_YOUR ASSIGNMENT_
Beginning at the line containing "#33=IFCPRODUCTDEFINITIONSHAPE($,$,(#32));" in the material below and ending at the line containing "#39=IFCINDEXEDPOLYGONALFACE((2,6,8,4));", return each line exactly and add nothing.
────
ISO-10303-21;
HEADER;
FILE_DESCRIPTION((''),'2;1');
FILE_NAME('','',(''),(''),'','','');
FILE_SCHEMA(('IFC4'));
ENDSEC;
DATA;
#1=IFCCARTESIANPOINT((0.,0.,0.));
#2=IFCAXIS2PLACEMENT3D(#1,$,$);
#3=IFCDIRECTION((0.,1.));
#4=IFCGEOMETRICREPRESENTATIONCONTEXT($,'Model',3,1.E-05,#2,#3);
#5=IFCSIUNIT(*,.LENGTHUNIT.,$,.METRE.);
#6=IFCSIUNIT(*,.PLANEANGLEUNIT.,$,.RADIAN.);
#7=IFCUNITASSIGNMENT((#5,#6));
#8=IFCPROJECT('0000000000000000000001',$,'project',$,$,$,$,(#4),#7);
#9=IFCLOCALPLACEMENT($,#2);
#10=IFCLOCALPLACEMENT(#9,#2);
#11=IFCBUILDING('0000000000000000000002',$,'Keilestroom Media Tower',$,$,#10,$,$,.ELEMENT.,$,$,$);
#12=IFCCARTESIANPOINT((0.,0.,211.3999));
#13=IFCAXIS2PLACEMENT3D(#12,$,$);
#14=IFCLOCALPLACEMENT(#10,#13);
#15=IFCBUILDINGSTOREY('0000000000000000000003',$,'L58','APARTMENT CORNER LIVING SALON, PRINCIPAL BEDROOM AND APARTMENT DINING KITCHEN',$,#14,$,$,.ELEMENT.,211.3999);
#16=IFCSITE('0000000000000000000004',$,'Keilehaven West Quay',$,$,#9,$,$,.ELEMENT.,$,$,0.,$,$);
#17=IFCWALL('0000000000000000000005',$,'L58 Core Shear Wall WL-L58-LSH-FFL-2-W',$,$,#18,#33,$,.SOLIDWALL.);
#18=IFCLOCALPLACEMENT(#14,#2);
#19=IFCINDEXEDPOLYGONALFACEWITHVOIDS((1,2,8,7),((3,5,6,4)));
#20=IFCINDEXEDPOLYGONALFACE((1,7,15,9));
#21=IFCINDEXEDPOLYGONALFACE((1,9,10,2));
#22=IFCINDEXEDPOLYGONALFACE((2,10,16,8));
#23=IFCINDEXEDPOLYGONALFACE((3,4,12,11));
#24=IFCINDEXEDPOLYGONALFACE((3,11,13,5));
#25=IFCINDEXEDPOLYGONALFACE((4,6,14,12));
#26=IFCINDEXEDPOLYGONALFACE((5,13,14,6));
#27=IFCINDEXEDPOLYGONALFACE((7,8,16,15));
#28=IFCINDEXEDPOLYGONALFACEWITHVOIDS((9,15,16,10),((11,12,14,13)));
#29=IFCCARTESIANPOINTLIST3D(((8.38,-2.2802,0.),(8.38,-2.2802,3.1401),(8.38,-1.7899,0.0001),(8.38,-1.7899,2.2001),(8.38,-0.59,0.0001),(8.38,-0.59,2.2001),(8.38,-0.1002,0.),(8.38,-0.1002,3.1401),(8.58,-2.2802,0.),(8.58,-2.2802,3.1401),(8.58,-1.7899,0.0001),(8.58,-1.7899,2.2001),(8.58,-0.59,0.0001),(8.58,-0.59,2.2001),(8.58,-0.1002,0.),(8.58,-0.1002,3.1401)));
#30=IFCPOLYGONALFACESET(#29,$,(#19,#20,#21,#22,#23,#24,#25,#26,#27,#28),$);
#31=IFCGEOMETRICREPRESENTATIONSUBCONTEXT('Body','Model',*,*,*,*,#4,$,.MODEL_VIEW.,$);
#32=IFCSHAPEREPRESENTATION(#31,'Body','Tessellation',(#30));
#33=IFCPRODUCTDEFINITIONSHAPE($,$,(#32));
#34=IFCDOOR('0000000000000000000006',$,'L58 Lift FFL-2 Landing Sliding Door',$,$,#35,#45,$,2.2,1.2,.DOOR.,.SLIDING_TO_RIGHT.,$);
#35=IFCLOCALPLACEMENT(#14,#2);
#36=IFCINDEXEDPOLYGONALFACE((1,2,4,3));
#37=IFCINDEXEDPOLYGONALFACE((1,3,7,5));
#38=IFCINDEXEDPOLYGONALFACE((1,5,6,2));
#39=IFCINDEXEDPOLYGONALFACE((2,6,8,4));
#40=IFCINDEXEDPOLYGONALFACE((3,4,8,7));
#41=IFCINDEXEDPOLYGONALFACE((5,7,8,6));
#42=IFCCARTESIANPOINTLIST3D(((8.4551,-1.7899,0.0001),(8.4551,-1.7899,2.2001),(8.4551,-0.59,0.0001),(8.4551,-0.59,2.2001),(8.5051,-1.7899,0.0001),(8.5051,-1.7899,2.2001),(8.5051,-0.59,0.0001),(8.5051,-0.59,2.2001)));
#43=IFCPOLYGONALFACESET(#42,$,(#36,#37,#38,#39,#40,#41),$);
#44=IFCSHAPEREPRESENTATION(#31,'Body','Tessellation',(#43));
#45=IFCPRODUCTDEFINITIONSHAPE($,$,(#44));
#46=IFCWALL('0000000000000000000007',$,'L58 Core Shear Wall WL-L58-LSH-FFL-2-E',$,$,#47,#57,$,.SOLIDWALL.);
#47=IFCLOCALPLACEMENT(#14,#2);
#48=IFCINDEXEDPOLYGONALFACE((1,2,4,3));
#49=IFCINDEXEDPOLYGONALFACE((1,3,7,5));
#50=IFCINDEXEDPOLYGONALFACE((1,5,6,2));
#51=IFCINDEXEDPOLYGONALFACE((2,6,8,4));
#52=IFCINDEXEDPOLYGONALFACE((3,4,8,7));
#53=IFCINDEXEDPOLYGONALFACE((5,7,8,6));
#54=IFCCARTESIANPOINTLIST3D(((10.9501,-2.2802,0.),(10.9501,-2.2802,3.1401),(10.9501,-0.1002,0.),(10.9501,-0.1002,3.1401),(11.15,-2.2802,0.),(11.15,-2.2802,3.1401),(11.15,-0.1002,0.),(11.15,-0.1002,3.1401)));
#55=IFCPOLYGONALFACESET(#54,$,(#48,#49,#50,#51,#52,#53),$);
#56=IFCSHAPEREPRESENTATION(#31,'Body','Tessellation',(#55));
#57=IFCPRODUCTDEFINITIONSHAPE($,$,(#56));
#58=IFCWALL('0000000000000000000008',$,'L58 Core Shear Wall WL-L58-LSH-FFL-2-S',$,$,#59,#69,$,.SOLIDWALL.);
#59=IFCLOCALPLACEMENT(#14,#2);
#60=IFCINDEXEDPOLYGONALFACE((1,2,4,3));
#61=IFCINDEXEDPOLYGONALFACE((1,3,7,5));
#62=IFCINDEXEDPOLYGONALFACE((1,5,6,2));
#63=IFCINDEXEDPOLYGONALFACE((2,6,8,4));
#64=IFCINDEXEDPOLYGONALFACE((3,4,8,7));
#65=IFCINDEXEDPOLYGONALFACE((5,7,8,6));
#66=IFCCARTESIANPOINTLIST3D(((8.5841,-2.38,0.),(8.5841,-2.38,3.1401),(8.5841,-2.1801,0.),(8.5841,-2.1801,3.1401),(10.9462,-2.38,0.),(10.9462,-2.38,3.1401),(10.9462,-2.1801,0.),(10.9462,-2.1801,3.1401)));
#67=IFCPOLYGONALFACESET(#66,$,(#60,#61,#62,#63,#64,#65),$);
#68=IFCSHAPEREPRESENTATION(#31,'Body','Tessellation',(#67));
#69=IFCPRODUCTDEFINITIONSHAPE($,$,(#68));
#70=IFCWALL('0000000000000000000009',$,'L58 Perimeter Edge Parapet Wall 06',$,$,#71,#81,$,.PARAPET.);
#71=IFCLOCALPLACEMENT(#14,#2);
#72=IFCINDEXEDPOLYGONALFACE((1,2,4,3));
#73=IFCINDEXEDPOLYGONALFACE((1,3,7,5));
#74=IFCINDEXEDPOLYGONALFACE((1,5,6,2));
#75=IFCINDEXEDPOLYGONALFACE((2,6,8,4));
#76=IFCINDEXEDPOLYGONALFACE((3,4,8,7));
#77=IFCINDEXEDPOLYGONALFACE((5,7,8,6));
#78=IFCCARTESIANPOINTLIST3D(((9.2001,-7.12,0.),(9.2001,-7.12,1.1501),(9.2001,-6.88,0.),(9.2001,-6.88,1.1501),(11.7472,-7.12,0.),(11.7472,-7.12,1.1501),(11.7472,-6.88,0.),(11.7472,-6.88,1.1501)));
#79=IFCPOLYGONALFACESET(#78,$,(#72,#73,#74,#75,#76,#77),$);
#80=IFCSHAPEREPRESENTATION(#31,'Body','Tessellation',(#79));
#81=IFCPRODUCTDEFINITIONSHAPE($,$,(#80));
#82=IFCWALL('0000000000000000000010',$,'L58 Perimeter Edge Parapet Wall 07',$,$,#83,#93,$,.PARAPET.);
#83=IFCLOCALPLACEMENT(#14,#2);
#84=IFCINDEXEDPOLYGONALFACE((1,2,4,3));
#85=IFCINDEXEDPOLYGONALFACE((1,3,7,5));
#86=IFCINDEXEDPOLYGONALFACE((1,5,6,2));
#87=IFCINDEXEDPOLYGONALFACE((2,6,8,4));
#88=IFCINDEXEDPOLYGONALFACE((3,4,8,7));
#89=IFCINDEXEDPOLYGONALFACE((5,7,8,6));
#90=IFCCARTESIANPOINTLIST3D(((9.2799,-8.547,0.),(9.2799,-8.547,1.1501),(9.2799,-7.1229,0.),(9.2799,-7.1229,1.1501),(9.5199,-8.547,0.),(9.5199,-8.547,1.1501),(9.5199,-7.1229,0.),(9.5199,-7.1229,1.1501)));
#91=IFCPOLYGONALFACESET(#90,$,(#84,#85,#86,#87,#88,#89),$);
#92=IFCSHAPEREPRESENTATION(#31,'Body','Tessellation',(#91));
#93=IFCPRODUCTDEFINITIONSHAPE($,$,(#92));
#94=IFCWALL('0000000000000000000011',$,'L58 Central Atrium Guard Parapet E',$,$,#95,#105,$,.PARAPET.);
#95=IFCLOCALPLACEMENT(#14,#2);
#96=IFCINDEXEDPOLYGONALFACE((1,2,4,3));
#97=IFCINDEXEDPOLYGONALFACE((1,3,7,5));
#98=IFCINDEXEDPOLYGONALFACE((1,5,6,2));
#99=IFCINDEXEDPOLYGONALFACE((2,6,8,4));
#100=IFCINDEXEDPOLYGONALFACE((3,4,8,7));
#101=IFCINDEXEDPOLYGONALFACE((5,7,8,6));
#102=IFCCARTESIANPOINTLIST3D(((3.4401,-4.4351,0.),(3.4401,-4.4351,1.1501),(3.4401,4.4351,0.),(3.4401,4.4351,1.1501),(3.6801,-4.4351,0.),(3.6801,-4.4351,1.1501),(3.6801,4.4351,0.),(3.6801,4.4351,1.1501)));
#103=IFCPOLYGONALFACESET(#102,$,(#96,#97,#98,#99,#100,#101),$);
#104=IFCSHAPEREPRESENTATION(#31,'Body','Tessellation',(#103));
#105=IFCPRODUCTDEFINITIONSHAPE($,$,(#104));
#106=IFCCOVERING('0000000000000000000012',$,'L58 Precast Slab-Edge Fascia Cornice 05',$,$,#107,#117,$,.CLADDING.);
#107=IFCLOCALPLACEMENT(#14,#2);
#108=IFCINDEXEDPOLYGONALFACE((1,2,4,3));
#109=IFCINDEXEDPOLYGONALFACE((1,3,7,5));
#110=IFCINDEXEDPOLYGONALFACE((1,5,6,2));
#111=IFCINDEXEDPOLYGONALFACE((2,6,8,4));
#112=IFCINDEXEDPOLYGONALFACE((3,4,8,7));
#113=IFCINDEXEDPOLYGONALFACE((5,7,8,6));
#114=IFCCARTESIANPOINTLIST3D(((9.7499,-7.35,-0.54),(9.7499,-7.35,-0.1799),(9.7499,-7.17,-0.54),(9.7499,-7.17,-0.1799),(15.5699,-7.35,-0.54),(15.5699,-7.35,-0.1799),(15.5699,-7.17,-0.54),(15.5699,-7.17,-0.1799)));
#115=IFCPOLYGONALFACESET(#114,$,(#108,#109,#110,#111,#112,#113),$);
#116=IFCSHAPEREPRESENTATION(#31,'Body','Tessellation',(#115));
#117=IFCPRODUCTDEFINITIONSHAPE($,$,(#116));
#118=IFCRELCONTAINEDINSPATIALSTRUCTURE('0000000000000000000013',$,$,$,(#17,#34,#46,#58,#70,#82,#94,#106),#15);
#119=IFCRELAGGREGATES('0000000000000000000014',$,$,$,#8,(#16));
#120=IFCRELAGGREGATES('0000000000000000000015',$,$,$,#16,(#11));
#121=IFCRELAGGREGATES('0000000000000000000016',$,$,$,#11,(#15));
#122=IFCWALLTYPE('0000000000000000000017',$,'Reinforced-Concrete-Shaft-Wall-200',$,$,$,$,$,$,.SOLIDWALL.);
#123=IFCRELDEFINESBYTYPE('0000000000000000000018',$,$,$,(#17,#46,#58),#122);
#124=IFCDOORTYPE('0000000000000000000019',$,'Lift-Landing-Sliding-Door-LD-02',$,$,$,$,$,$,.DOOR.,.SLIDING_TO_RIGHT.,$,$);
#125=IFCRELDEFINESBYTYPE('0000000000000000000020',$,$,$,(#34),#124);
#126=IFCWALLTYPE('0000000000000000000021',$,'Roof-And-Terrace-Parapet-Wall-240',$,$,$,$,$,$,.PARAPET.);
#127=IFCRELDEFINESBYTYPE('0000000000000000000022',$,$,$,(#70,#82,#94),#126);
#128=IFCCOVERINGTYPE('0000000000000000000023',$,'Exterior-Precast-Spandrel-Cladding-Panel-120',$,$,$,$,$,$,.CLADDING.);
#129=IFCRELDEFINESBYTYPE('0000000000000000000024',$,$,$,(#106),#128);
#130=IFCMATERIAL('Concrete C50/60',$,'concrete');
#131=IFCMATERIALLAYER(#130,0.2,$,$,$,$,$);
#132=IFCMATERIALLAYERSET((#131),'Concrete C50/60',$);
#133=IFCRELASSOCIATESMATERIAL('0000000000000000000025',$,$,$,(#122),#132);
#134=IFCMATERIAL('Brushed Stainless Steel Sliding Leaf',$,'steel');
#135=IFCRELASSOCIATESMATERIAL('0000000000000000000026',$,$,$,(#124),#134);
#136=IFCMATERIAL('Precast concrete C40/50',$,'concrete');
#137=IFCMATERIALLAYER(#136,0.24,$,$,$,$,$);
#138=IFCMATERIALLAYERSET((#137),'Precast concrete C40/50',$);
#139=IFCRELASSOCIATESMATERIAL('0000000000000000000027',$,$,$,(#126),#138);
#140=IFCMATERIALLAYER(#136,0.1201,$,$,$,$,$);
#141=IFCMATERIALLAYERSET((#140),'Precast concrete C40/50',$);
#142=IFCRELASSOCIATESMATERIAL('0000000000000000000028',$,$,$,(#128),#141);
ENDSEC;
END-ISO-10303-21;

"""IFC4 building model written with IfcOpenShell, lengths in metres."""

from ifc_helpers import new_model, si_unit, direction, frame, frame_2d, origin, origin_2d, place, context, subcontext, project, spatial, rectangle, extrude, source, transform, mapped, material, layer, layer_set, type_object, element, fill, save


model = new_model("IFC4")

# Units and contexts
model_context = context("Model", 3, precision=1e-05, world=origin(), true_north=direction((0.0, 1.0)))
body_context = subcontext(model_context, "Body", "Model", "MODEL_VIEW")
ifc_project = project(units=[si_unit("LENGTHUNIT", "METRE"), si_unit("PLANEANGLEUNIT", "RADIAN")], contexts=[model_context])

# Site, building, storey
site_placement = place(None, origin())
site = spatial("IfcSite", under=ifc_project, at=site_placement, Name="Keilehaven West Quay", CompositionType="ELEMENT", RefElevation=0.0)
building_placement = place(site_placement, origin())
building = spatial("IfcBuilding", under=site, at=building_placement, Name="Keilestroom Media Tower", CompositionType="ELEMENT")
storey_placement = place(building_placement, frame((0.0, 0.0, 211.3999)))
storey = spatial("IfcBuildingStorey", under=building, at=storey_placement, Name="L58", Description="APARTMENT CORNER LIVING SALON, PRINCIPAL BEDROOM AND APARTMENT DINING KITCHEN", CompositionType="ELEMENT", Elevation=211.3999)

# Shared definitions
ifc_material_1 = material(Name="Precast concrete C40/50", Category="concrete")

# Shared definitions
shared_shape_1 = source(origin(), body_context, "Body", "SweptSolid", [
    extrude(rectangle(XDim=1.2, YDim=2.2, at=frame_2d((0.6001, 1.1001))), frame((0.0, 0.0249, 0.0), z_axis=(0.0, -1.0, 0.0), x_axis=(1.0, 0.0, 0.0)), (0.0, 0.0, 1.0), 0.05),
])

# Shared definitions
ifc_material_2 = material(Name="Concrete C50/60", Category="concrete")
ifc_layer_1 = layer(ifc_material_2, 0.2)
ifc_layer_set_1 = layer_set([ifc_layer_1], Name="Concrete C50/60")
wall_type_1 = type_object("IfcWallType", Name="Reinforced-Concrete-Shaft-Wall-200", PredefinedType="SOLIDWALL", material=ifc_layer_set_1)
────
_SOLUTION FOR THIS EXERCISE_
#33=IFCPRODUCTDEFINITIONSHAPE($,$,(#32));
#34=IFCDOOR('0000000000000000000006',$,'L58 Lift FFL-2 Landing Sliding Door',$,$,#35,#45,$,2.2,1.2,.DOOR.,.SLIDING_TO_RIGHT.,$);
#35=IFCLOCALPLACEMENT(#14,#2);
#36=IFCINDEXEDPOLYGONALFACE((1,2,4,3));
#37=IFCINDEXEDPOLYGONALFACE((1,3,7,5));
#38=IFCINDEXEDPOLYGONALFACE((1,5,6,2));
#39=IFCINDEXEDPOLYGONALFACE((2,6,8,4));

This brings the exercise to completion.